Work item
From the records below, transcribe exactly the lines that begin at the line with "#55=IFCINDEXEDPOLYGONALFACE((9,10,12,11));" and end at the line with "#85=IFCPRODUCTDEFINITIONSHAPE($,$,(#84));", both included.

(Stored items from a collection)

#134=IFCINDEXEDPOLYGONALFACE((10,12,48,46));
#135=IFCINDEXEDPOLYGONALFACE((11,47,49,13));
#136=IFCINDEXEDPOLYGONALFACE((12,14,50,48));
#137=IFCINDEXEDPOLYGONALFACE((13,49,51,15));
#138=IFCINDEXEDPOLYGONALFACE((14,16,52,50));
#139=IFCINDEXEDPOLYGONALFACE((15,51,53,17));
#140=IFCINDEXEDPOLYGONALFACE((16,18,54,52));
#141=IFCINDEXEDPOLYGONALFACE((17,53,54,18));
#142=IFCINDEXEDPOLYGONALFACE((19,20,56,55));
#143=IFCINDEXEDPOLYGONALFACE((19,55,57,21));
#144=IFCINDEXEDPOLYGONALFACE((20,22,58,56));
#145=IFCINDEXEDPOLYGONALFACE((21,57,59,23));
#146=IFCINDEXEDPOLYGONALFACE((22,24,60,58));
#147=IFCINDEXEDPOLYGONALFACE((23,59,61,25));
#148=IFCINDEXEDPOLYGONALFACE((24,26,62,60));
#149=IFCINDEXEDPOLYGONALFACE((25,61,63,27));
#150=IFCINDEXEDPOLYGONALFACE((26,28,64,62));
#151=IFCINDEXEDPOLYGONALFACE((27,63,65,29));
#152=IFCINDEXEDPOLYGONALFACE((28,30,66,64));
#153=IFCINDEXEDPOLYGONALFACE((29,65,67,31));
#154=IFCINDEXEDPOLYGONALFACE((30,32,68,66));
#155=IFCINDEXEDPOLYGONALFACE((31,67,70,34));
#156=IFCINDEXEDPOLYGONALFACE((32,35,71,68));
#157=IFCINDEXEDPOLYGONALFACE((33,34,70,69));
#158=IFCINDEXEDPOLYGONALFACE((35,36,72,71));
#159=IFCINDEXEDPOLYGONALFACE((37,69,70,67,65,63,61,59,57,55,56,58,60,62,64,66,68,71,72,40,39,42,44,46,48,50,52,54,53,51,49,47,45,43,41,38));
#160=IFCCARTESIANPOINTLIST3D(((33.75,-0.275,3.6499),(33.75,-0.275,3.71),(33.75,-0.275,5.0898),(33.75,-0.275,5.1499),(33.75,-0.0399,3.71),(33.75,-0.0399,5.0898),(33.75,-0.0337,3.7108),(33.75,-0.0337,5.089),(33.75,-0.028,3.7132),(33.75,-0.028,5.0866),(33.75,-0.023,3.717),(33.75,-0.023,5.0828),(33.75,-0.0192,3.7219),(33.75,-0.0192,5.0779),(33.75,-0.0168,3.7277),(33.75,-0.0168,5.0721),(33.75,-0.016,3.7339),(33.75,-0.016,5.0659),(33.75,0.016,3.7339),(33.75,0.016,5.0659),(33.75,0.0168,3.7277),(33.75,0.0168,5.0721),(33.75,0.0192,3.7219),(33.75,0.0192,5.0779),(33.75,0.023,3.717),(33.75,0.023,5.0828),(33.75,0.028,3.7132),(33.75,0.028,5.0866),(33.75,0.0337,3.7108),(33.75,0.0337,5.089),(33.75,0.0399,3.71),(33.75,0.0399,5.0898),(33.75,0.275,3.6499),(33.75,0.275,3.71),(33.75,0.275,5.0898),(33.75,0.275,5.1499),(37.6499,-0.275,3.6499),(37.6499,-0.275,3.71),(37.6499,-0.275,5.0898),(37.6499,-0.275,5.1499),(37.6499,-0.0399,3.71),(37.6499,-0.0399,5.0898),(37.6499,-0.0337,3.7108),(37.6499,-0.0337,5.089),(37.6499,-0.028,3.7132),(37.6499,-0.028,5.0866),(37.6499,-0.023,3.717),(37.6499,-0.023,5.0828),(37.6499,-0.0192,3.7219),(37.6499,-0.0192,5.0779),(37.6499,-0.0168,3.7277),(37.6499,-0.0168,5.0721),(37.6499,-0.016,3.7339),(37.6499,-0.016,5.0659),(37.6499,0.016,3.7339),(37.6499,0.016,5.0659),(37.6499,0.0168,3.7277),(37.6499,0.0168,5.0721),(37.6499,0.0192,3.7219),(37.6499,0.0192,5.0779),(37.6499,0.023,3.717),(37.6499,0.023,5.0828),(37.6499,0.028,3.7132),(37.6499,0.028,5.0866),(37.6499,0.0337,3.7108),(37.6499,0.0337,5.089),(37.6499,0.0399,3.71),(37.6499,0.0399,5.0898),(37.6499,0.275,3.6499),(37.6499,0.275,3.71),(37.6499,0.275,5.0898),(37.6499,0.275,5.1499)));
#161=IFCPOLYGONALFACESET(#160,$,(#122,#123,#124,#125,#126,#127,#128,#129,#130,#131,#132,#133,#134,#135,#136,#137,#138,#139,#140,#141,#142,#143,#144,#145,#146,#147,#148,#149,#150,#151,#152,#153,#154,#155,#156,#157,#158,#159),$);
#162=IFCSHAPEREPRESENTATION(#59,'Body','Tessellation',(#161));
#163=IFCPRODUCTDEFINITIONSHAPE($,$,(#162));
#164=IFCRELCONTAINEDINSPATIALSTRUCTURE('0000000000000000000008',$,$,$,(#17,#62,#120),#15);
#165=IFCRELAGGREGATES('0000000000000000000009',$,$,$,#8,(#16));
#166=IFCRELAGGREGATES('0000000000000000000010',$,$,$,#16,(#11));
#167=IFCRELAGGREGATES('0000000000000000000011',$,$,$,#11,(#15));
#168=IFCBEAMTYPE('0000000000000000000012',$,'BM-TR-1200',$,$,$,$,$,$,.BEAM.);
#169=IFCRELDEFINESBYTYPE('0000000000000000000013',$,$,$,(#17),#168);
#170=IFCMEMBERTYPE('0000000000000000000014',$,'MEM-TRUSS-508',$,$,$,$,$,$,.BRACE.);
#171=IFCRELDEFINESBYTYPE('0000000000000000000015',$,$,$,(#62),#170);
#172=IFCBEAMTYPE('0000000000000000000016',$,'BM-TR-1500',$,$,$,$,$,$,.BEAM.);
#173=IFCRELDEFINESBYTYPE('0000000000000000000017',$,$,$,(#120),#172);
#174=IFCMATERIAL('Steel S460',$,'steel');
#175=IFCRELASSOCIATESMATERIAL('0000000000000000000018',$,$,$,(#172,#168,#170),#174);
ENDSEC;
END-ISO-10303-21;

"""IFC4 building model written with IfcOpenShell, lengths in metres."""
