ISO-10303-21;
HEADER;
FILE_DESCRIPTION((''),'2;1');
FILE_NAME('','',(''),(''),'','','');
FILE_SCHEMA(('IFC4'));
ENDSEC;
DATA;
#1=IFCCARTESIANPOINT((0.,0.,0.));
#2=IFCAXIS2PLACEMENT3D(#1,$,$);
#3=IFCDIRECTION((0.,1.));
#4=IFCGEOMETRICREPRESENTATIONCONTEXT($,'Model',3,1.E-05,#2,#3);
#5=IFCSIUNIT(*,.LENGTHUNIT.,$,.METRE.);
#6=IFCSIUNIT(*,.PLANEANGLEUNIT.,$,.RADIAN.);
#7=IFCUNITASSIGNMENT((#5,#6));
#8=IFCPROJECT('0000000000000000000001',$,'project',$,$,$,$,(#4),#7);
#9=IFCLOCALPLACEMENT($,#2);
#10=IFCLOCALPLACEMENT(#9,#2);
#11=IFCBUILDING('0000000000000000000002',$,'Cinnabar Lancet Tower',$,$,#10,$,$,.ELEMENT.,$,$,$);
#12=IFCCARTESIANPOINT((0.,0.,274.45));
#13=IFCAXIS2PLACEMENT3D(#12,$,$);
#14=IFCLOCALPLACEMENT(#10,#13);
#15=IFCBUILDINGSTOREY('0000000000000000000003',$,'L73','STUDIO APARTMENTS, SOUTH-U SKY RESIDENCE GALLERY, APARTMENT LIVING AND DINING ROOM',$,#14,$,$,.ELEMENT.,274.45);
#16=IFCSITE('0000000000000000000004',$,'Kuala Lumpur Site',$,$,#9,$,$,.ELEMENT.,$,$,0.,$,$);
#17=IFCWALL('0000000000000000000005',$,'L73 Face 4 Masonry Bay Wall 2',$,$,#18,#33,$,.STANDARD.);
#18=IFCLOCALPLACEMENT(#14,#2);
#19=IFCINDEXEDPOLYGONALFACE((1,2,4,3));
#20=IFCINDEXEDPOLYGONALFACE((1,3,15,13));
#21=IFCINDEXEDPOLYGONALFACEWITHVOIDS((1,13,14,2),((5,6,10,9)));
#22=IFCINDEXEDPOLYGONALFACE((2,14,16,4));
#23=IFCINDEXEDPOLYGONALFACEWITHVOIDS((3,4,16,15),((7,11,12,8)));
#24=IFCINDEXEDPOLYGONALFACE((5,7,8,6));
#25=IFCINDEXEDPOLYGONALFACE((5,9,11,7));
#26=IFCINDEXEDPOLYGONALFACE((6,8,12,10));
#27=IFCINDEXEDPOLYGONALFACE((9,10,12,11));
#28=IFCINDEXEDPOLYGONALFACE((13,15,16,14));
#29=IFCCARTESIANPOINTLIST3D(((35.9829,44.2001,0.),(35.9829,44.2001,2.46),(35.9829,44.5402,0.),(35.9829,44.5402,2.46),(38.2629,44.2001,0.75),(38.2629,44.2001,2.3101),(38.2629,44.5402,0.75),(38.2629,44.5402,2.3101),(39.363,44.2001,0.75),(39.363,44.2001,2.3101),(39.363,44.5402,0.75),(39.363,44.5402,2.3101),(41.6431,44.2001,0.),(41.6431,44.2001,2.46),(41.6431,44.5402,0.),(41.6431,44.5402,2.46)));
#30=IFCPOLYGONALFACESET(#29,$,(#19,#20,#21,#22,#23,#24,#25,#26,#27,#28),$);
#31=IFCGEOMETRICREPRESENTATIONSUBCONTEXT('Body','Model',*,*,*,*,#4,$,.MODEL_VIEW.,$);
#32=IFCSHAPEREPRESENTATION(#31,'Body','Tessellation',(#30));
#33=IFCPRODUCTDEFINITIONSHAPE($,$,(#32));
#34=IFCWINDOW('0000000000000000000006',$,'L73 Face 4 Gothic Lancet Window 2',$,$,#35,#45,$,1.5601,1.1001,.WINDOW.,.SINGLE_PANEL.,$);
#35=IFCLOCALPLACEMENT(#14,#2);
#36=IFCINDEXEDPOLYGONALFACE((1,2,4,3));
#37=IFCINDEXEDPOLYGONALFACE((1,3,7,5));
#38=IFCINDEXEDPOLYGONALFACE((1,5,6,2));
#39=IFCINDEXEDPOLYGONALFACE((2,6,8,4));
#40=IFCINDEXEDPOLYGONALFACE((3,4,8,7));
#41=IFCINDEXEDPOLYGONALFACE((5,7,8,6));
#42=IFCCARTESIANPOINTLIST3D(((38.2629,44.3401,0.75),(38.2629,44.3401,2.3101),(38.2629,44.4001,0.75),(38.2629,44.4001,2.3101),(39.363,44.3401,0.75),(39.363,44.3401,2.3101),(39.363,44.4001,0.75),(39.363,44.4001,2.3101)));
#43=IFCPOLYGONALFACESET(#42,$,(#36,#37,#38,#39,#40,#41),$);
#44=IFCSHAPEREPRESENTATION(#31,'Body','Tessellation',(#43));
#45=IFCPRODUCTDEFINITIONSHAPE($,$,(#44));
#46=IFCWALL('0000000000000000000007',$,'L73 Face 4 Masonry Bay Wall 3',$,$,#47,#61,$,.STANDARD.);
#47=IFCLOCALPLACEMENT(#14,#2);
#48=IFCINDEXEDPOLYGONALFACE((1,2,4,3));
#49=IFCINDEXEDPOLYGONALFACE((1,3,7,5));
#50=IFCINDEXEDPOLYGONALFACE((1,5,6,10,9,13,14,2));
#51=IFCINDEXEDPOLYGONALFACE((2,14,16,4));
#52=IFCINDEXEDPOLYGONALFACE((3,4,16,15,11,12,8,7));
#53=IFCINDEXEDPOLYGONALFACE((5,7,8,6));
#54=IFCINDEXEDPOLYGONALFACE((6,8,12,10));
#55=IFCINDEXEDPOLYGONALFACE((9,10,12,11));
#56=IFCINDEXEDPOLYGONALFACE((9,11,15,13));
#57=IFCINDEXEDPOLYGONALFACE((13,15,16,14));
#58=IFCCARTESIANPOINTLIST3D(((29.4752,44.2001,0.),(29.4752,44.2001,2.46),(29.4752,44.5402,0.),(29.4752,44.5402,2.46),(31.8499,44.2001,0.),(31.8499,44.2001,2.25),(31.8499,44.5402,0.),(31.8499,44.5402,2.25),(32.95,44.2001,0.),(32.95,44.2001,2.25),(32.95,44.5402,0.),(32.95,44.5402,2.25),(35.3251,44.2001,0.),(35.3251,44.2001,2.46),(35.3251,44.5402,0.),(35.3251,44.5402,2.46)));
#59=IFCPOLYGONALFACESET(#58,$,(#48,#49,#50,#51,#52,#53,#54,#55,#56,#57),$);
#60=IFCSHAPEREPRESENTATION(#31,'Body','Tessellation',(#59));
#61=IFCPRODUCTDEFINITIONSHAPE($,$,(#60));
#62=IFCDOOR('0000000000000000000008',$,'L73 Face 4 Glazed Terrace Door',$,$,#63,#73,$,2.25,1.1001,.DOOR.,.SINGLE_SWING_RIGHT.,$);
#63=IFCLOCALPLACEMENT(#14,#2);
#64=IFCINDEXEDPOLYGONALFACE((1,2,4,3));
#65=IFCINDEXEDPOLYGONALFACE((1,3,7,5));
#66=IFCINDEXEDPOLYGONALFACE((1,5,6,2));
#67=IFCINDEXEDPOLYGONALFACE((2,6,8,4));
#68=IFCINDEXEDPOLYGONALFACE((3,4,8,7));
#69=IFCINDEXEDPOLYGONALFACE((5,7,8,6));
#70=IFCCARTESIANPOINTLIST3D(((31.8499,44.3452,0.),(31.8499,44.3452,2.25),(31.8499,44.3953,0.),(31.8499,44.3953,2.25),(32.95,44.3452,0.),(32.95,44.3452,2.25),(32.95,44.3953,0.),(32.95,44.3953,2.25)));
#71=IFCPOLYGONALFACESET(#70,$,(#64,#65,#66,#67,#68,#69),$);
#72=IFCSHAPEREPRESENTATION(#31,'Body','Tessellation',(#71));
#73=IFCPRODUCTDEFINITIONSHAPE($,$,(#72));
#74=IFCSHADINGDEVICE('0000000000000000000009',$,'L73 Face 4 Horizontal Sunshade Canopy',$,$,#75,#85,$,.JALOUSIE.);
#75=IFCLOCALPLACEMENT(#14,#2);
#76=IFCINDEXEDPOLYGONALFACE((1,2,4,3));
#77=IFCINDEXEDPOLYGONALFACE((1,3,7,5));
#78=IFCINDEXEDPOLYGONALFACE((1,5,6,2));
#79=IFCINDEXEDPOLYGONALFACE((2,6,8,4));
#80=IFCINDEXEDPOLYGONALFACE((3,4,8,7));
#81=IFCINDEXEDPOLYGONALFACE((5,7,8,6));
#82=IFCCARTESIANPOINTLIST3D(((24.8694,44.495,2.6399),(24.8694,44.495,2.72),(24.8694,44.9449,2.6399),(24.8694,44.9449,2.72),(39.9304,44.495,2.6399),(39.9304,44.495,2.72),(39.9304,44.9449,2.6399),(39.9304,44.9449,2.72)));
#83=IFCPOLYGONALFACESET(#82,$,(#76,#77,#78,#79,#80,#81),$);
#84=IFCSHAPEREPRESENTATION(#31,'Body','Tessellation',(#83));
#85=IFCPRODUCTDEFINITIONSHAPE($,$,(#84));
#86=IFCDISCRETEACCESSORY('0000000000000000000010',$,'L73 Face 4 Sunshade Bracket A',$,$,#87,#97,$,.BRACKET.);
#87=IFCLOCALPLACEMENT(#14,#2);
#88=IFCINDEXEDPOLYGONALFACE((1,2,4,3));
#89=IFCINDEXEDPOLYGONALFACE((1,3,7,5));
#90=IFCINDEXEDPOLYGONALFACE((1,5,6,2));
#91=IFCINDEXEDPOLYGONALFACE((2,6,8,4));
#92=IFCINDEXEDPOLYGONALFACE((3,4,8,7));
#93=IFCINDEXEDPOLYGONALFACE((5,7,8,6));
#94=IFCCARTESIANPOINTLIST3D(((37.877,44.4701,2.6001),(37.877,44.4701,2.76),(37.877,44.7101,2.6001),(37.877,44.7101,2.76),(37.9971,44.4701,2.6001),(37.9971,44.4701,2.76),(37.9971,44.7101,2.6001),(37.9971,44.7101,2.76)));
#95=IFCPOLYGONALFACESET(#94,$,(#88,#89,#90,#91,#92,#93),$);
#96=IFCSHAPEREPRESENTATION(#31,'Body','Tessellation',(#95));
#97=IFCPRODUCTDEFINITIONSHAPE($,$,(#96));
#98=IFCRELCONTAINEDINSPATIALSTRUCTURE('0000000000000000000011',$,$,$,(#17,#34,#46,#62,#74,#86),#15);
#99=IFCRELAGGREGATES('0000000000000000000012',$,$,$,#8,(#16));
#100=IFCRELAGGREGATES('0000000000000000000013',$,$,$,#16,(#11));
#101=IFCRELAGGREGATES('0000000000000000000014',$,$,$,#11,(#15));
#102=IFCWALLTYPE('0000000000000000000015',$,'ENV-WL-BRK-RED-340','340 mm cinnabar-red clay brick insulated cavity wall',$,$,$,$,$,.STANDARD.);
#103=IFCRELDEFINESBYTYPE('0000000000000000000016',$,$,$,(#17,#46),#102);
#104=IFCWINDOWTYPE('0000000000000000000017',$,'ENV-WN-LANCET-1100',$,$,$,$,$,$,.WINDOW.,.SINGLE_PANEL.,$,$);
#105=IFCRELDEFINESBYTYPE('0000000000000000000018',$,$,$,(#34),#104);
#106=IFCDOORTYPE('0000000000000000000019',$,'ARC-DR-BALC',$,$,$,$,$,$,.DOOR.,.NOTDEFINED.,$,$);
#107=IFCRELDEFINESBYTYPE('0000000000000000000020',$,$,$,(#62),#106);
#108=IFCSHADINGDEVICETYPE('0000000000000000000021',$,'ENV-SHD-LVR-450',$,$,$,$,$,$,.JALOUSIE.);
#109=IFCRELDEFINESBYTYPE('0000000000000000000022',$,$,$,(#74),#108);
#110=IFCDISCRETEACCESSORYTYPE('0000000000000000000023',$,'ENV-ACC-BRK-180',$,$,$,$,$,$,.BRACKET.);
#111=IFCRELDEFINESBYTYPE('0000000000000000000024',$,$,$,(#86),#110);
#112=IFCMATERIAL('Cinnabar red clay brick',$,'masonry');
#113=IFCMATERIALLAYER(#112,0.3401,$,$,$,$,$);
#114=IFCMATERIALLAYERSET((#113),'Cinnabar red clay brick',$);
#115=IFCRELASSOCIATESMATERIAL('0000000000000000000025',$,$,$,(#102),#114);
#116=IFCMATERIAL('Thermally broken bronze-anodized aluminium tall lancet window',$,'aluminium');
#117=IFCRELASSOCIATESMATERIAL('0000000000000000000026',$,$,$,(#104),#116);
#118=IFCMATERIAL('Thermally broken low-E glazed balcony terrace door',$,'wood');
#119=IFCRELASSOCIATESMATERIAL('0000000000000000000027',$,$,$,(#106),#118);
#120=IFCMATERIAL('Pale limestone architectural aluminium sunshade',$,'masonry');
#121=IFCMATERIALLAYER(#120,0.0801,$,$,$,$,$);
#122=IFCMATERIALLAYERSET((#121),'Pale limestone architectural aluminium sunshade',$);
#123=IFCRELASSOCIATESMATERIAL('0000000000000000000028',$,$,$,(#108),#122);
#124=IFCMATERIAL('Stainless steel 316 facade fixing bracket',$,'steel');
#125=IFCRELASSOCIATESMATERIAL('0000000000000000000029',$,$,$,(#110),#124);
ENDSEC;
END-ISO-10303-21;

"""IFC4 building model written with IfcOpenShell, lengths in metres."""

from ifc_helpers import new_model, si_unit, direction, frame, frame_2d, origin, origin_2d, place, context, subcontext, project, spatial, rectangle, extrude, material, layer, layer_set, type_object, element, fill, save


model = new_model("IFC4")

# Units and contexts
model_context = context("Model", 3, precision=1e-05, world=origin(), true_north=direction((0.0, 1.0)))
body_context = subcontext(model_context, "Body", "Model", "MODEL_VIEW")
ifc_project = project(units=[si_unit("LENGTHUNIT", "METRE"), si_unit("PLANEANGLEUNIT", "RADIAN")], contexts=[model_context])

# Site, building, storey
site_placement = place(None, origin())
site = spatial("IfcSite", under=ifc_project, at=site_placement, Name="Kuala Lumpur Site", CompositionType="ELEMENT", RefElevation=0.0)
building_placement = place(site_placement, origin())
building = spatial("IfcBuilding", under=site, at=building_placement, Name="Cinnabar Lancet Tower", CompositionType="ELEMENT")
storey_placement = place(building_placement, frame((0.0, 0.0, 274.45)))
storey = spatial("IfcBuildingStorey", under=building, at=storey_placement, Name="L73", Description="STUDIO APARTMENTS, SOUTH-U SKY RESIDENCE GALLERY, APARTMENT LIVING AND DINING ROOM", CompositionType="ELEMENT", Elevation=274.45)

# Wall, opening, window
ifc_material_1 = material(Name="Cinnabar red clay brick", Category="masonry")
ifc_layer_1 = layer(ifc_material_1, 0.3401)
ifc_layer_set_1 = layer_set([ifc_layer_1], Name="Cinnabar red clay brick")
wall_type_1 = type_object("IfcWallType", Name="ENV-WL-BRK-RED-340", Description="340 mm cinnabar-red clay brick insulated cavity wall", PredefinedType="STANDARD", material=ifc_layer_set_1)
wall_1_placement = place(storey_placement, frame((41.6431, 44.3701, 0.0), z_axis=(0.0, 0.0, 1.0), x_axis=(-1.0, 0.0, 0.0)))
wall_1 = element("IfcWall", 1, at=wall_1_placement, inside=storey, type_object=wall_type_1, Name="L73 Face 4 Masonry Bay Wall 2", PredefinedType="STANDARD", context=body_context, shape_type="SweptSolid", body=[
    extrude(rectangle(XDim=5.6602, YDim=0.3401, at=frame_2d((2.8301, 0.0))), origin(), (0.0, 0.0, 1.0), 2.46),
])
opening_1_placement = place(wall_1_placement, frame((2.28, 0.0, 0.75)))
opening_1 = element("IfcOpeningElement", 2, at=opening_1_placement, cuts=wall_1, PredefinedType="OPENING", context=body_context, shape_type="SweptSolid", body=[
    extrude(rectangle(XDim=1.1001, YDim=1.5601, at=frame_2d((0.55, 0.78))), frame((0.0, 0.1799, 0.0), z_axis=(0.0, -1.0, 0.0), x_axis=(1.0, 0.0, 0.0)), (0.0, 0.0, 1.0), 0.3601),
])
ifc_material_2 = material(Name="Thermally broken bronze-anodized aluminium tall lancet window", Category="aluminium")
window_type = type_object("IfcWindowType", Name="ENV-WN-LANCET-1100", PartitioningType="SINGLE_PANEL", PredefinedType="WINDOW", material=ifc_material_2)
window_placement = place(opening_1_placement, origin())
window = element("IfcWindow", 3, at=window_placement, inside=storey, type_object=window_type, Name="L73 Face 4 Gothic Lancet Window 2", OverallHeight=1.5601, OverallWidth=1.1001, PartitioningType="SINGLE_PANEL", PredefinedType="WINDOW", context=body_context, shape_type="SweptSolid", body=[
    extrude(rectangle(XDim=1.1001, YDim=1.5601, at=frame_2d((0.55, 0.78))), frame((0.0, 0.03, 0.0), z_axis=(0.0, -1.0, 0.0), x_axis=(1.0, 0.0, 0.0)), (0.0, 0.0, 1.0), 0.0601),
])
fill(opening_1, window)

Exercise answer
#55=IFCINDEXEDPOLYGONALFACE((9,10,12,11));
#56=IFCINDEXEDPOLYGONALFACE((9,11,15,13));
#57=IFCINDEXEDPOLYGONALFACE((13,15,16,14));
#58=IFCCARTESIANPOINTLIST3D(((29.4752,44.2001,0.),(29.4752,44.2001,2.46),(29.4752,44.5402,0.),(29.4752,44.5402,2.46),(31.8499,44.2001,0.),(31.8499,44.2001,2.25),(31.8499,44.5402,0.),(31.8499,44.5402,2.25),(32.95,44.2001,0.),(32.95,44.2001,2.25),(32.95,44.5402,0.),(32.95,44.5402,2.25),(35.3251,44.2001,0.),(35.3251,44.2001,2.46),(35.3251,44.5402,0.),(35.3251,44.5402,2.46)));
#59=IFCPOLYGONALFACESET(#58,$,(#48,#49,#50,#51,#52,#53,#54,#55,#56,#57),$);
#60=IFCSHAPEREPRESENTATION(#31,'Body','Tessellation',(#59));
#61=IFCPRODUCTDEFINITIONSHAPE($,$,(#60));
#62=IFCDOOR('0000000000000000000008',$,'L73 Face 4 Glazed Terrace Door',$,$,#63,#73,$,2.25,1.1001,.DOOR.,.SINGLE_SWING_RIGHT.,$);
#63=IFCLOCALPLACEMENT(#14,#2);
#64=IFCINDEXEDPOLYGONALFACE((1,2,4,3));
#65=IFCINDEXEDPOLYGONALFACE((1,3,7,5));
#66=IFCINDEXEDPOLYGONALFACE((1,5,6,2));
#67=IFCINDEXEDPOLYGONALFACE((2,6,8,4));
#68=IFCINDEXEDPOLYGONALFACE((3,4,8,7));
#69=IFCINDEXEDPOLYGONALFACE((5,7,8,6));
#70=IFCCARTESIANPOINTLIST3D(((31.8499,44.3452,0.),(31.8499,44.3452,2.25),(31.8499,44.3953,0.),(31.8499,44.3953,2.25),(32.95,44.3452,0.),(32.95,44.3452,2.25),(32.95,44.3953,0.),(32.95,44.3953,2.25)));
#71=IFCPOLYGONALFACESET(#70,$,(#64,#65,#66,#67,#68,#69),$);
#72=IFCSHAPEREPRESENTATION(#31,'Body','Tessellation',(#71));
#73=IFCPRODUCTDEFINITIONSHAPE($,$,(#72));
#74=IFCSHADINGDEVICE('0000000000000000000009',$,'L73 Face 4 Horizontal Sunshade Canopy',$,$,#75,#85,$,.JALOUSIE.);
#75=IFCLOCALPLACEMENT(#14,#2);
#76=IFCINDEXEDPOLYGONALFACE((1,2,4,3));
#77=IFCINDEXEDPOLYGONALFACE((1,3,7,5));
#78=IFCINDEXEDPOLYGONALFACE((1,5,6,2));
#79=IFCINDEXEDPOLYGONALFACE((2,6,8,4));
#80=IFCINDEXEDPOLYGONALFACE((3,4,8,7));
#81=IFCINDEXEDPOLYGONALFACE((5,7,8,6));
#82=IFCCARTESIANPOINTLIST3D(((24.8694,44.495,2.6399),(24.8694,44.495,2.72),(24.8694,44.9449,2.6399),(24.8694,44.9449,2.72),(39.9304,44.495,2.6399),(39.9304,44.495,2.72),(39.9304,44.9449,2.6399),(39.9304,44.9449,2.72)));
#83=IFCPOLYGONALFACESET(#82,$,(#76,#77,#78,#79,#80,#81),$);
#84=IFCSHAPEREPRESENTATION(#31,'Body','Tessellation',(#83));
#85=IFCPRODUCTDEFINITIONSHAPE($,$,(#84));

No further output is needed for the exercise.